_HOW TO COMPLETE THIS TASK_. Filter the data for "Gate" and copy matching lines.

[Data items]
──────────────────────────────
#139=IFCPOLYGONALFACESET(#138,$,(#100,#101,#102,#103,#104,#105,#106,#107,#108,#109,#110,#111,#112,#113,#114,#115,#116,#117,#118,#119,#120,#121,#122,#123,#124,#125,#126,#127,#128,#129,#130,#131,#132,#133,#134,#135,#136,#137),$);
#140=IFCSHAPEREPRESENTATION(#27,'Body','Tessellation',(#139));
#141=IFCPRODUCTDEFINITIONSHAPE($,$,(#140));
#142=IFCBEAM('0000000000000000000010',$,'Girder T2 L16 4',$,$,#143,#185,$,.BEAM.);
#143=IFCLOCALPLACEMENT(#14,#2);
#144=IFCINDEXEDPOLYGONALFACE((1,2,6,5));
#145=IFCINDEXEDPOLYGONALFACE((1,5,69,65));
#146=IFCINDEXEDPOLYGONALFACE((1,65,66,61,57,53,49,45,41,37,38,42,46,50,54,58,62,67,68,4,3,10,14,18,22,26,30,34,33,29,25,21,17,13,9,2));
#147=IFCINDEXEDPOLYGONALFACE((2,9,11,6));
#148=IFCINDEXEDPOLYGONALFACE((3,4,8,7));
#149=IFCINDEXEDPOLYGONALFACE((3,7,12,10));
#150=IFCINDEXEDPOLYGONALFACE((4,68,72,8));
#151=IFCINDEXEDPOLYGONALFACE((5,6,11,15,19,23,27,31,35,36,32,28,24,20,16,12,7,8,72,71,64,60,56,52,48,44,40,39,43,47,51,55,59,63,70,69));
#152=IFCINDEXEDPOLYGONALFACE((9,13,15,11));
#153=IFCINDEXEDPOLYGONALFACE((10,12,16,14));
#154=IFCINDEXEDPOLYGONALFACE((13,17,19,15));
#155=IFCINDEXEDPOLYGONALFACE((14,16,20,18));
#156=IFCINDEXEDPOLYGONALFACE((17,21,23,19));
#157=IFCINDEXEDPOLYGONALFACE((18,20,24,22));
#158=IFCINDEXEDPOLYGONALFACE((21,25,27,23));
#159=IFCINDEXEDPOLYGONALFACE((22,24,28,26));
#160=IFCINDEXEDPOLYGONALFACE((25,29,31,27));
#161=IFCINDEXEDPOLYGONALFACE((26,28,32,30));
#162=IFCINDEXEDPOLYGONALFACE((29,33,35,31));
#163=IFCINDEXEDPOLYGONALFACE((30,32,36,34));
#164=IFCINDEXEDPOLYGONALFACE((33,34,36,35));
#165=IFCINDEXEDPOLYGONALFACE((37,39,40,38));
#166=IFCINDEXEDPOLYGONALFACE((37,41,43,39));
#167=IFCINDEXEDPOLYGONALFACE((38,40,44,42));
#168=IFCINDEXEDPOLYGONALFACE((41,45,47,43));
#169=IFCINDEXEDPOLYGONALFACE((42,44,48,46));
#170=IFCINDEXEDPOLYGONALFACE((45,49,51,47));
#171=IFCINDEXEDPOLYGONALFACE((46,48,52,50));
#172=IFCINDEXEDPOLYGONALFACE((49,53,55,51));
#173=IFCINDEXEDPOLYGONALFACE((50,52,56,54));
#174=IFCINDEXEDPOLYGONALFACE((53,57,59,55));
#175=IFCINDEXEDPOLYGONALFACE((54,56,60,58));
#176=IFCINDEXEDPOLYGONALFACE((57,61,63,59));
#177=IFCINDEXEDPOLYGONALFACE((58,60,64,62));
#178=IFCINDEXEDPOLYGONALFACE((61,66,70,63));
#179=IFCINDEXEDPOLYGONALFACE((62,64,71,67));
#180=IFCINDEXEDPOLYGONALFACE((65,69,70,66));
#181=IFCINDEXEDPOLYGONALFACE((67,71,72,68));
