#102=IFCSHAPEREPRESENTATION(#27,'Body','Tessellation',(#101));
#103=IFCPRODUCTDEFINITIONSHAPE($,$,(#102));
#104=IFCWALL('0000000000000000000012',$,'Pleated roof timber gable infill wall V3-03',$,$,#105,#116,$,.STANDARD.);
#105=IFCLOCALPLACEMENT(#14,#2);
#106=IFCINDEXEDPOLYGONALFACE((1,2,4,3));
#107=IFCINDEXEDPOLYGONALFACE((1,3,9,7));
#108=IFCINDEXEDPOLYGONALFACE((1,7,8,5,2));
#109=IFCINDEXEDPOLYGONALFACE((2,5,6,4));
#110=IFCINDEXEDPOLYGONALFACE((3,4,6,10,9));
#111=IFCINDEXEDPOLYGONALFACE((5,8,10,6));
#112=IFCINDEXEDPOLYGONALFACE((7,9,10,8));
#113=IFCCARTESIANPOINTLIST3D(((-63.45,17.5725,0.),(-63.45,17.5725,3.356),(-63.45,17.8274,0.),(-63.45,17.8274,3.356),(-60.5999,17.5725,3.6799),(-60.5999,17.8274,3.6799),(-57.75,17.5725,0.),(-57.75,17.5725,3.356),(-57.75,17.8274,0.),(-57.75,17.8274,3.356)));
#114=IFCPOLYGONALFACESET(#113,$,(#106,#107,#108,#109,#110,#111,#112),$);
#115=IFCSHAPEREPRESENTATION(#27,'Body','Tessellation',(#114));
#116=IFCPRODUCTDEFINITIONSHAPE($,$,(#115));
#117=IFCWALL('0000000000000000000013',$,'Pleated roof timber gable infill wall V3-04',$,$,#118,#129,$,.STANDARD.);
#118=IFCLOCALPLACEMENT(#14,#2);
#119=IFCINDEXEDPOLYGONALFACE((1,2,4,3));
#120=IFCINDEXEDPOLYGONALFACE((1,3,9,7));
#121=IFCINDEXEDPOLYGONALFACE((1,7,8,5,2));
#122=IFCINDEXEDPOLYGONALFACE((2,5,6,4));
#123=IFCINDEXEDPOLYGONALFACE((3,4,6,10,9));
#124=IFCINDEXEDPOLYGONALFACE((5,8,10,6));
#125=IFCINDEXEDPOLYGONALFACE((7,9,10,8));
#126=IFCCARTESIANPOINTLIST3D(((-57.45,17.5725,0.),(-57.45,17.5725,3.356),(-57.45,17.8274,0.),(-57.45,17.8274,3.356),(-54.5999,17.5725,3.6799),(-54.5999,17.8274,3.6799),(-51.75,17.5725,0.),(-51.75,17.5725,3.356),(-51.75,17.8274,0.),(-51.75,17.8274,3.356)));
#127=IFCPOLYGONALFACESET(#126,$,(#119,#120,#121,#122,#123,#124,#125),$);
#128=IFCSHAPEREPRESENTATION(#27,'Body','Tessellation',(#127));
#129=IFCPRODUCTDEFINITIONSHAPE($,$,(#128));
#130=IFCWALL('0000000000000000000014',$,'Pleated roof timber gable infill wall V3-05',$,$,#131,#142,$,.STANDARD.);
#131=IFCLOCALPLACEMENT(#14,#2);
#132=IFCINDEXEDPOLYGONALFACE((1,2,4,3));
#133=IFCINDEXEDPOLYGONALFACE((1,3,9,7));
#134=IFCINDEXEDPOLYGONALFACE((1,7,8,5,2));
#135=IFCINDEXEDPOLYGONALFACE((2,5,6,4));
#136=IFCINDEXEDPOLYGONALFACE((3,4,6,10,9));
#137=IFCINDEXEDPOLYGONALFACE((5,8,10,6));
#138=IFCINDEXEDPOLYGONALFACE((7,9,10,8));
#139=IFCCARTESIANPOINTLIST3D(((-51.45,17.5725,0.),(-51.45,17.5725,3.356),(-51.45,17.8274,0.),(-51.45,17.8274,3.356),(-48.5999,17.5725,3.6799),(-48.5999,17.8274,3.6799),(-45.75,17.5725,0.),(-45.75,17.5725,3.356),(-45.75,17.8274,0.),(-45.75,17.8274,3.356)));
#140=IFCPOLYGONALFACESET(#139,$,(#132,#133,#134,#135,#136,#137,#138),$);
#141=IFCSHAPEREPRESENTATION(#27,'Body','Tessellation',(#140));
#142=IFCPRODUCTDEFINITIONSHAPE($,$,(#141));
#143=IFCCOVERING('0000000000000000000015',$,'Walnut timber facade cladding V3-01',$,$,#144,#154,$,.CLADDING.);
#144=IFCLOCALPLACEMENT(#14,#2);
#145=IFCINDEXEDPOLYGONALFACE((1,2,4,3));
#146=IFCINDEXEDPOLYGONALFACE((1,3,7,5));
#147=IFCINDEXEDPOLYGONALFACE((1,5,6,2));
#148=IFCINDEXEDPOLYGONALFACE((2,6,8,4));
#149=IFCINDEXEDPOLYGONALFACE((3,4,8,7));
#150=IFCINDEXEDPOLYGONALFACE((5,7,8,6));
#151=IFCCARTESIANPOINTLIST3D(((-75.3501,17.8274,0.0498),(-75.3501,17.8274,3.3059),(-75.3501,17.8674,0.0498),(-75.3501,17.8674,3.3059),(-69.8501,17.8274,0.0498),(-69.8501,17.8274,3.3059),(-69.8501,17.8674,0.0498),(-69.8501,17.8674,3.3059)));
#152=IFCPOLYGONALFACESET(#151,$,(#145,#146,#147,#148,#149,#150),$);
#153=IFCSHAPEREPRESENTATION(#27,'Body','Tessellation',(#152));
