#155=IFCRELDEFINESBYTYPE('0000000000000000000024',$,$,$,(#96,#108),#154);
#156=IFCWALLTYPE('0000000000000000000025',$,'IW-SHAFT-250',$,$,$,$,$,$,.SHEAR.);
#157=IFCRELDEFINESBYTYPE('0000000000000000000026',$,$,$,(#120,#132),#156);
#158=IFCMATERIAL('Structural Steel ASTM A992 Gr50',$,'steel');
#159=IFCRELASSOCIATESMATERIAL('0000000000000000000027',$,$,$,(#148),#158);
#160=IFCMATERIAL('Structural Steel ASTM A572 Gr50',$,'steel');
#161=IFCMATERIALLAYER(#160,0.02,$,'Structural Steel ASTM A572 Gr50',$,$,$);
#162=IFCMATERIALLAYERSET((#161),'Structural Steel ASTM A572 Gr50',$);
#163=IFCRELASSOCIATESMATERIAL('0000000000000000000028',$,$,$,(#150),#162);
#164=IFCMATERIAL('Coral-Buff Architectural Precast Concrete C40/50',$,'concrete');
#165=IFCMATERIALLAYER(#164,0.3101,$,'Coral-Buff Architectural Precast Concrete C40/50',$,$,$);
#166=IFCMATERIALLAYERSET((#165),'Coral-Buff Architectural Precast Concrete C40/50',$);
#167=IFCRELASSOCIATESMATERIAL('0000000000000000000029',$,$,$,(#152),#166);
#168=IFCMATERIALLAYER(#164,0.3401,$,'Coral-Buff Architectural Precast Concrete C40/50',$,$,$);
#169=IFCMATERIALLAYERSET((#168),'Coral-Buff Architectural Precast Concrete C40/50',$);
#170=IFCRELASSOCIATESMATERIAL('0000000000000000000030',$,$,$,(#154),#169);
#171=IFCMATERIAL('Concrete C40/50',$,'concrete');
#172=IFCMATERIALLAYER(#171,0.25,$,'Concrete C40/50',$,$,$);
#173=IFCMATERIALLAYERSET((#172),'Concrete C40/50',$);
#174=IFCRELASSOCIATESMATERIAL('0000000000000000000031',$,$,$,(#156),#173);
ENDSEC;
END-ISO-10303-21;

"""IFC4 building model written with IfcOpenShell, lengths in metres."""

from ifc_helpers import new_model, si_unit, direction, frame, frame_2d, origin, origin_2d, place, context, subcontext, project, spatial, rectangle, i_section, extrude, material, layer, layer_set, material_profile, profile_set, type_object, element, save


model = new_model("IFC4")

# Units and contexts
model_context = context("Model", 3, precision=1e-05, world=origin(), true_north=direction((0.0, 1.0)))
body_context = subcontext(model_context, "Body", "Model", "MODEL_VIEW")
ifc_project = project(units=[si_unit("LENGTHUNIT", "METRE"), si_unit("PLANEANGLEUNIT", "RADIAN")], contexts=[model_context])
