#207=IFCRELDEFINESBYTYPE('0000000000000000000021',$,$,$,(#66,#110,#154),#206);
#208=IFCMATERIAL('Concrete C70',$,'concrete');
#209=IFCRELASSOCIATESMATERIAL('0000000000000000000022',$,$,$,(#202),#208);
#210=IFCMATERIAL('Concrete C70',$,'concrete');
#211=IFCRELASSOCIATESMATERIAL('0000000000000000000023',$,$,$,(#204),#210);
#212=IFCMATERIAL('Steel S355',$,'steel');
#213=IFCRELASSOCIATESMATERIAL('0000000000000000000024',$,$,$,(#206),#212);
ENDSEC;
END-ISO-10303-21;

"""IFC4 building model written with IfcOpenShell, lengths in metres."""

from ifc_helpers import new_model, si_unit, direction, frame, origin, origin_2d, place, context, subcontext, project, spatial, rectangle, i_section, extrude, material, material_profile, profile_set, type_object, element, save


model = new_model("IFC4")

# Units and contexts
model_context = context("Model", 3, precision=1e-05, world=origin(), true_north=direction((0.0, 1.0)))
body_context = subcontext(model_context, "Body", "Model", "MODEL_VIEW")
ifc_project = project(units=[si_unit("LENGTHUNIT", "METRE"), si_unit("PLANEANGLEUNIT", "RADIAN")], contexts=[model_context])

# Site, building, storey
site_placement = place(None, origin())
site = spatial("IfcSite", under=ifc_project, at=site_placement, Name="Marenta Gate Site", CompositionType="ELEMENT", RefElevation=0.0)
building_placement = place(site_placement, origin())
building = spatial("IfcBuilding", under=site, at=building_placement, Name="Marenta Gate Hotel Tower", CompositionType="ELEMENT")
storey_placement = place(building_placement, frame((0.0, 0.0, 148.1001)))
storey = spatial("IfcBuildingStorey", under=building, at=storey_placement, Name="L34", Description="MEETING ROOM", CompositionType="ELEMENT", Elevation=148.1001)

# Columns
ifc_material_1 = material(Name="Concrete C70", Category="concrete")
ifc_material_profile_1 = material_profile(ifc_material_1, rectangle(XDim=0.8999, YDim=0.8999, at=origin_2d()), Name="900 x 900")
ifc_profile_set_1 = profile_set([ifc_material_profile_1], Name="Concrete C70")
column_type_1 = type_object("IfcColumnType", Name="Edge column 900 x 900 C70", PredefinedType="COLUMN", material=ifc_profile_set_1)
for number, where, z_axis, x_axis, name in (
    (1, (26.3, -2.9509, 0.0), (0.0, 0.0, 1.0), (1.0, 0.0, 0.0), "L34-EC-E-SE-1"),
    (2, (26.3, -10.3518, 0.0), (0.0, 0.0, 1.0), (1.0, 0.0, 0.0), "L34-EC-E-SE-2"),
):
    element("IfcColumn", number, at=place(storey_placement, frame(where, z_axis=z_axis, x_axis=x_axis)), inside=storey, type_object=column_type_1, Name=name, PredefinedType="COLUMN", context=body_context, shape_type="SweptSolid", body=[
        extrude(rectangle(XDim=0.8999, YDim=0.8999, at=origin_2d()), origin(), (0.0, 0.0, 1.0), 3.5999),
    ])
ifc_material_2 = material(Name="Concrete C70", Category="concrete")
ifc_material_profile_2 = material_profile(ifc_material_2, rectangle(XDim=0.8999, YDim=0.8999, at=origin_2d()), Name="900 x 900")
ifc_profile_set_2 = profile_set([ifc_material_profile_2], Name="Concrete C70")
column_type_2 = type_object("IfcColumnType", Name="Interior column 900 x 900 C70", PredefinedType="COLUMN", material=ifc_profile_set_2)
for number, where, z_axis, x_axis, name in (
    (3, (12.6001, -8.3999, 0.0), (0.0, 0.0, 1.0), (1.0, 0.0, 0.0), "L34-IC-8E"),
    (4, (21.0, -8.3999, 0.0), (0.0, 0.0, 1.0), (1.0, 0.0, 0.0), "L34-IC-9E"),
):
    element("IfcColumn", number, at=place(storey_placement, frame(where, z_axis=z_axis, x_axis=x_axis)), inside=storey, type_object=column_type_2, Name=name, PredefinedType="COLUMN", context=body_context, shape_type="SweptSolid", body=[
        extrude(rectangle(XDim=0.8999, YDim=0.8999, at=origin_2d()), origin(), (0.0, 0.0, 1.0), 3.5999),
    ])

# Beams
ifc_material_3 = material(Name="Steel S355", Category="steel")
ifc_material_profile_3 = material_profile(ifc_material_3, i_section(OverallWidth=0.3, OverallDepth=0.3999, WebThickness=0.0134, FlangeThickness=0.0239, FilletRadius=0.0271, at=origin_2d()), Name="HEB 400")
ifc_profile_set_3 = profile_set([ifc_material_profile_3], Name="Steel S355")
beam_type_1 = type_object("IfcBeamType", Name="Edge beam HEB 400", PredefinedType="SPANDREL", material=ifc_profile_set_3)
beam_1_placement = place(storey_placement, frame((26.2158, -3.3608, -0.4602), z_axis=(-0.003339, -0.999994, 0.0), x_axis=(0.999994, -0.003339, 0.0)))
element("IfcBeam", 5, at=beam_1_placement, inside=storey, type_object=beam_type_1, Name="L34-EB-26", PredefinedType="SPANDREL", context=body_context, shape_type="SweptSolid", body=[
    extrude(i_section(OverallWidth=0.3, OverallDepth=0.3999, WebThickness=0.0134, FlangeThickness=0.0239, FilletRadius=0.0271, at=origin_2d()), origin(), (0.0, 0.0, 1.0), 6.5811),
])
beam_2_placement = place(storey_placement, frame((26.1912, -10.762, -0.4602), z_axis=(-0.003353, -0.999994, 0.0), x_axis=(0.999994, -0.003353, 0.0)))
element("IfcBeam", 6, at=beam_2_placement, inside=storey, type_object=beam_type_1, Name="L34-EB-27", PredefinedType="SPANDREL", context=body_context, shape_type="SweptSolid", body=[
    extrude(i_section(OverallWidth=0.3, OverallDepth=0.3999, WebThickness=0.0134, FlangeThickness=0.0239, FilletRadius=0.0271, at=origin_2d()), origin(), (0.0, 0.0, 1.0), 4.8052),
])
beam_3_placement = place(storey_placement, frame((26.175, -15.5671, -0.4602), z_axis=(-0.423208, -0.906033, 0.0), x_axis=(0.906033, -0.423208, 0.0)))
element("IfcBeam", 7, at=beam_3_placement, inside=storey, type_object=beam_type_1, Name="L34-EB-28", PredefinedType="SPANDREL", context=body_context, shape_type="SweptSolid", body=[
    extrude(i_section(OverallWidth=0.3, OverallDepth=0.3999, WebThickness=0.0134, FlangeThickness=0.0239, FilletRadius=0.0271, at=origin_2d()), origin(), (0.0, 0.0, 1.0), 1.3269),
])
──────────────────────────────
_RESPONSE TO THE TASK_.
site = spatial("IfcSite", under=ifc_project, at=site_placement, Name="Marenta Gate Site", CompositionType="ELEMENT", RefElevation=0.0)
building = spatial("IfcBuilding", under=site, at=building_placement, Name="Marenta Gate Hotel Tower", CompositionType="ELEMENT")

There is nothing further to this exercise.